*** DATASET EXCERPTS ***
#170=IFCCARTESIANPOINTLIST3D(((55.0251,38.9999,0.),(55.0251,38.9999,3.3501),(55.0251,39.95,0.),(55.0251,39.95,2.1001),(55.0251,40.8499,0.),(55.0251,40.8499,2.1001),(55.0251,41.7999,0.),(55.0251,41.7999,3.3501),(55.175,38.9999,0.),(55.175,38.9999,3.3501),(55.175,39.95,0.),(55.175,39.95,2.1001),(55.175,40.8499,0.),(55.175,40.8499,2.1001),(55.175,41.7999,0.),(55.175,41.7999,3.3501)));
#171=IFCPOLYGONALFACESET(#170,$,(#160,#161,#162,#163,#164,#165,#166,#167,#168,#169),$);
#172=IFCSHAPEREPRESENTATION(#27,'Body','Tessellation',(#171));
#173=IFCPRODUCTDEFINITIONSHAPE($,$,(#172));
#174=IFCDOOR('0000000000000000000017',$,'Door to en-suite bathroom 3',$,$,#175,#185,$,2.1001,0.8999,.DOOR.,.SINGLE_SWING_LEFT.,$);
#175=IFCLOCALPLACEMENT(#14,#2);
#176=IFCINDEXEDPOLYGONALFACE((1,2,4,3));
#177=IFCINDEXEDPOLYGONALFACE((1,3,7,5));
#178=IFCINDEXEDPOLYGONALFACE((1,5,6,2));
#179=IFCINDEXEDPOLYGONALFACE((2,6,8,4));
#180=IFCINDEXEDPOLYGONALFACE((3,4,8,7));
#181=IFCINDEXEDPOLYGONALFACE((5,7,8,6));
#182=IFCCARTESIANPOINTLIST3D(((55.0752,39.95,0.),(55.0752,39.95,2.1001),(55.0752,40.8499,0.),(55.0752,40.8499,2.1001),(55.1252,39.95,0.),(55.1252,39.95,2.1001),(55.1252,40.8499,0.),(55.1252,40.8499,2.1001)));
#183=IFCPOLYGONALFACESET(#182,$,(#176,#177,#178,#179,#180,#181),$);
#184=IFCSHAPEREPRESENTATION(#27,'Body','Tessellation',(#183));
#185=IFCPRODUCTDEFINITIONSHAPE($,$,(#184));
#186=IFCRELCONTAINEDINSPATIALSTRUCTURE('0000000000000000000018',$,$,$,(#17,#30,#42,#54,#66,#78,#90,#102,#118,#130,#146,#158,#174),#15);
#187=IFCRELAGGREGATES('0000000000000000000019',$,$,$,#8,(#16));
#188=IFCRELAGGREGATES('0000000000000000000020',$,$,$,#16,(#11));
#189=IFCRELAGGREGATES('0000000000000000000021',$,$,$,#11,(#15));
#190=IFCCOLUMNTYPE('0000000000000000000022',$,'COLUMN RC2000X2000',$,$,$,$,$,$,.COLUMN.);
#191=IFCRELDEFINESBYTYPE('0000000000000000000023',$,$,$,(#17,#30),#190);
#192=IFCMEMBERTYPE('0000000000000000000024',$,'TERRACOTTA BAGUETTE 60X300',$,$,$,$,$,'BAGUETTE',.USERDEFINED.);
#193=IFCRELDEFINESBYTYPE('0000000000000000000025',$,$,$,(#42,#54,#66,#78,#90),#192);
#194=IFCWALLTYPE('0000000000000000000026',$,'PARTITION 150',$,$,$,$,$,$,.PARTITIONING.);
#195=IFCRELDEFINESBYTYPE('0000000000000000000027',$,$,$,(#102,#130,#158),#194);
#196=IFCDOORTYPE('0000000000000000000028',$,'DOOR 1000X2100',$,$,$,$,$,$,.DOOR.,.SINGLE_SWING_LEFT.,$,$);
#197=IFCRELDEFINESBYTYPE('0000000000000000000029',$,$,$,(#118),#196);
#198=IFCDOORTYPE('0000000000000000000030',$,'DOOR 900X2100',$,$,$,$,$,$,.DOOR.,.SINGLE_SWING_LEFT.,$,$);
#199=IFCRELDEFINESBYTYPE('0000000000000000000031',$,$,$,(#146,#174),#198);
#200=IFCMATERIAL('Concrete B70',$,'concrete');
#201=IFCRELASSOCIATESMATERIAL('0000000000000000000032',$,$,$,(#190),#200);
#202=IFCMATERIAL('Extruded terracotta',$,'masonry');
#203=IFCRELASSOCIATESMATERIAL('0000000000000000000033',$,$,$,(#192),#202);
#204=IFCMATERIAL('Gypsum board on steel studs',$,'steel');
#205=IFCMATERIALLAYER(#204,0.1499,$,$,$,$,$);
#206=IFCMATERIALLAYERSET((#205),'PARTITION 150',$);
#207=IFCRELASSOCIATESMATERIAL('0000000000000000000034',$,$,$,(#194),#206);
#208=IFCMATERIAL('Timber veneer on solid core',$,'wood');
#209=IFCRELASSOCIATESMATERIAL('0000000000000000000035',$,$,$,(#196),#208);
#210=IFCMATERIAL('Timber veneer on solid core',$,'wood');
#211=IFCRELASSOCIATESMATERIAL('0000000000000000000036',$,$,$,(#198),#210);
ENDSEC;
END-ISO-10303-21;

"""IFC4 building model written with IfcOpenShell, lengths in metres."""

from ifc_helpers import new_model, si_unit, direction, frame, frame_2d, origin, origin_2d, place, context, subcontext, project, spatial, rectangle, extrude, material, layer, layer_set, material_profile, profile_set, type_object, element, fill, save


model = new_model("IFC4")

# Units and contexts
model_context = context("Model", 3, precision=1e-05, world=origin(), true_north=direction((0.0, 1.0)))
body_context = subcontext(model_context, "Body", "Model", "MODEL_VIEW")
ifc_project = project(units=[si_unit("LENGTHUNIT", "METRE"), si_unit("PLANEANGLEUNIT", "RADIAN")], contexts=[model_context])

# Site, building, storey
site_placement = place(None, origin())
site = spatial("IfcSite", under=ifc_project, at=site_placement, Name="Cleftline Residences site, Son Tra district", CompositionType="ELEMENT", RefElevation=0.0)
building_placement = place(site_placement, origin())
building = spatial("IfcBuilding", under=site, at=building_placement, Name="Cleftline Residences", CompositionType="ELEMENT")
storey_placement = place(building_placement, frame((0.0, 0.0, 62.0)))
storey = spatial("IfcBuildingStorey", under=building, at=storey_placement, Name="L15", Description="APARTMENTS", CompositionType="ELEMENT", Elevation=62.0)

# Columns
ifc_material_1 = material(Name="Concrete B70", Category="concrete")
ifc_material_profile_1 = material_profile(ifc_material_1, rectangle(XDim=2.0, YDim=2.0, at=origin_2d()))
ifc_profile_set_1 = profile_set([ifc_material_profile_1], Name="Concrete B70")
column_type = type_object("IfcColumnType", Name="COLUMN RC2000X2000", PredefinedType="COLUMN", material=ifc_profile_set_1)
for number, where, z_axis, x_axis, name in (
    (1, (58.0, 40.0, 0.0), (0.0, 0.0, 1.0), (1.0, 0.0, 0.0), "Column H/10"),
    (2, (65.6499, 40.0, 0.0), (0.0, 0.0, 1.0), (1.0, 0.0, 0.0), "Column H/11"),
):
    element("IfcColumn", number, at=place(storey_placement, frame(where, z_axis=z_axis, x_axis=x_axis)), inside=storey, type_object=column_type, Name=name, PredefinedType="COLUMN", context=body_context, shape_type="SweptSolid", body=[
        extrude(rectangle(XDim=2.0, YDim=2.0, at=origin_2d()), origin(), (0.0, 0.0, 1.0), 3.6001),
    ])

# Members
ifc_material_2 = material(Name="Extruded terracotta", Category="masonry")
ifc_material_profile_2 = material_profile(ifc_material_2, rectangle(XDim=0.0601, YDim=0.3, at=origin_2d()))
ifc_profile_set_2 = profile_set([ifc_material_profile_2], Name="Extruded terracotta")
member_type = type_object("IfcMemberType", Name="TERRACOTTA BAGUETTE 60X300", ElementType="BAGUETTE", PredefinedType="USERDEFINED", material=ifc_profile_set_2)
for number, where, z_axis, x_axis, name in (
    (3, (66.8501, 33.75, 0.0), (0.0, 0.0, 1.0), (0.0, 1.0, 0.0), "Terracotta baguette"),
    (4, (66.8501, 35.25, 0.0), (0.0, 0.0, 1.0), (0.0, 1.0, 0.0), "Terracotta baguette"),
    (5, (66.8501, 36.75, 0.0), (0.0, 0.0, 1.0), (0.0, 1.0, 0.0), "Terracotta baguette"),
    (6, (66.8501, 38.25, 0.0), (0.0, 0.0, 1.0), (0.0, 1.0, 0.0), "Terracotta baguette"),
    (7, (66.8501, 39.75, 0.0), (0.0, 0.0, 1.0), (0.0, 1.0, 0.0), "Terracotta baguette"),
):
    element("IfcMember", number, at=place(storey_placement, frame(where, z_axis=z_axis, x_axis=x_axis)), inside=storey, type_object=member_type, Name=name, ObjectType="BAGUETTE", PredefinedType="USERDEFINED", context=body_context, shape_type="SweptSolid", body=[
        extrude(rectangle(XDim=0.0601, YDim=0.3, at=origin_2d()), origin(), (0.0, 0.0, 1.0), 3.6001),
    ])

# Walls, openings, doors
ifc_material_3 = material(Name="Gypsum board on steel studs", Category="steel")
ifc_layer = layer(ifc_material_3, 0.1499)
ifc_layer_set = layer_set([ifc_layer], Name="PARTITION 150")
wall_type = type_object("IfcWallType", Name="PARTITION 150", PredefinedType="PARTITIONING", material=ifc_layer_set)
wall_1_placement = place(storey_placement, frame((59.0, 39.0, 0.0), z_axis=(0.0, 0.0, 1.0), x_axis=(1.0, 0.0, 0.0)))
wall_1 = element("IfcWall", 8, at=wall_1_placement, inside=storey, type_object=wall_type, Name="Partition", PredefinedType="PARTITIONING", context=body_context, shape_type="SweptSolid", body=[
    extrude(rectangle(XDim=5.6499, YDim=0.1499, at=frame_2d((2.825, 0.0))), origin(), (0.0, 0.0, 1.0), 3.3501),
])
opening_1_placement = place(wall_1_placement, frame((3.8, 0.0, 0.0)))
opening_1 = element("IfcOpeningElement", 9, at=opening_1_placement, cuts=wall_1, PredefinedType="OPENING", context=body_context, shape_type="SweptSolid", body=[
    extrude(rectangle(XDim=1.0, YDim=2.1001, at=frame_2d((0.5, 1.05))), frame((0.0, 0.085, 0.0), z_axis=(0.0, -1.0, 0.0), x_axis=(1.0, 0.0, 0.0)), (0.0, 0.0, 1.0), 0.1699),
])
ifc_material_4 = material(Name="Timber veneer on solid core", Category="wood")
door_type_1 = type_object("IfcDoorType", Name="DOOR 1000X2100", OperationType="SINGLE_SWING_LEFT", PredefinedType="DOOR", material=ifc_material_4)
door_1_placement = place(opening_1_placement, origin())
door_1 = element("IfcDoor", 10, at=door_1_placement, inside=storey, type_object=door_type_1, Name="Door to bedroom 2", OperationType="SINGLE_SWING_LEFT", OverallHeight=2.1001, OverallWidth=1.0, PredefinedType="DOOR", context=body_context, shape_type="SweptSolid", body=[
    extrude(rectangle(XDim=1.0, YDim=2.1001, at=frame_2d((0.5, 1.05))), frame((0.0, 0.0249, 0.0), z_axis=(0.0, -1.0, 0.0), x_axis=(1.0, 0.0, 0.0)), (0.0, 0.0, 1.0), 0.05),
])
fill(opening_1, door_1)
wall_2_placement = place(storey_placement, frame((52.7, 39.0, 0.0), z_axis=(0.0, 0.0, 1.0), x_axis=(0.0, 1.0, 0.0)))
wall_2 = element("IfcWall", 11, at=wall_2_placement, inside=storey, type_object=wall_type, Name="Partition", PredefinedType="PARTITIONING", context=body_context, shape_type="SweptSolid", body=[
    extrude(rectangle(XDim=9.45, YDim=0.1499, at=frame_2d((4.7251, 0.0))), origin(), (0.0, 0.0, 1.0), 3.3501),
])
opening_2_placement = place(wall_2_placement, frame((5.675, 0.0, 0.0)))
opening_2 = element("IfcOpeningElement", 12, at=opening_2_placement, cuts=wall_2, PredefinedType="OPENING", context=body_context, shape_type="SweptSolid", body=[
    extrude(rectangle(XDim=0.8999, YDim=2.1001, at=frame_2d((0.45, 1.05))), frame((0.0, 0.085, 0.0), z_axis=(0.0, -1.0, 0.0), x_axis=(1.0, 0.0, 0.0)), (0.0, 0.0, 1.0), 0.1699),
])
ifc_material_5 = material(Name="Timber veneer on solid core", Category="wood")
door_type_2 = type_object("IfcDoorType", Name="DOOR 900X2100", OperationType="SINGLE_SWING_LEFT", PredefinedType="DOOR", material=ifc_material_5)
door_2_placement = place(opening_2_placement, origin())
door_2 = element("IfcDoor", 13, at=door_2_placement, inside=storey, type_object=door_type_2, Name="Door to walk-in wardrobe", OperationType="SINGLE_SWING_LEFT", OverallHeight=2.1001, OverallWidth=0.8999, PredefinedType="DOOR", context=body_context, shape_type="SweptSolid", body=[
*** End of DATASET EXCERPTS ***
Taking the entries from their first line through the line with "#173=IFCPRODUCTDEFINITIONSHAPE($,$,(#172));", inclusive, restate each line word for word and give nothing else.

#170=IFCCARTESIANPOINTLIST3D(((55.0251,38.9999,0.),(55.0251,38.9999,3.3501),(55.0251,39.95,0.),(55.0251,39.95,2.1001),(55.0251,40.8499,0.),(55.0251,40.8499,2.1001),(55.0251,41.7999,0.),(55.0251,41.7999,3.3501),(55.175,38.9999,0.),(55.175,38.9999,3.3501),(55.175,39.95,0.),(55.175,39.95,2.1001),(55.175,40.8499,0.),(55.175,40.8499,2.1001),(55.175,41.7999,0.),(55.175,41.7999,3.3501)));
#171=IFCPOLYGONALFACESET(#170,$,(#160,#161,#162,#163,#164,#165,#166,#167,#168,#169),$);
#172=IFCSHAPEREPRESENTATION(#27,'Body','Tessellation',(#171));
#173=IFCPRODUCTDEFINITIONSHAPE($,$,(#172));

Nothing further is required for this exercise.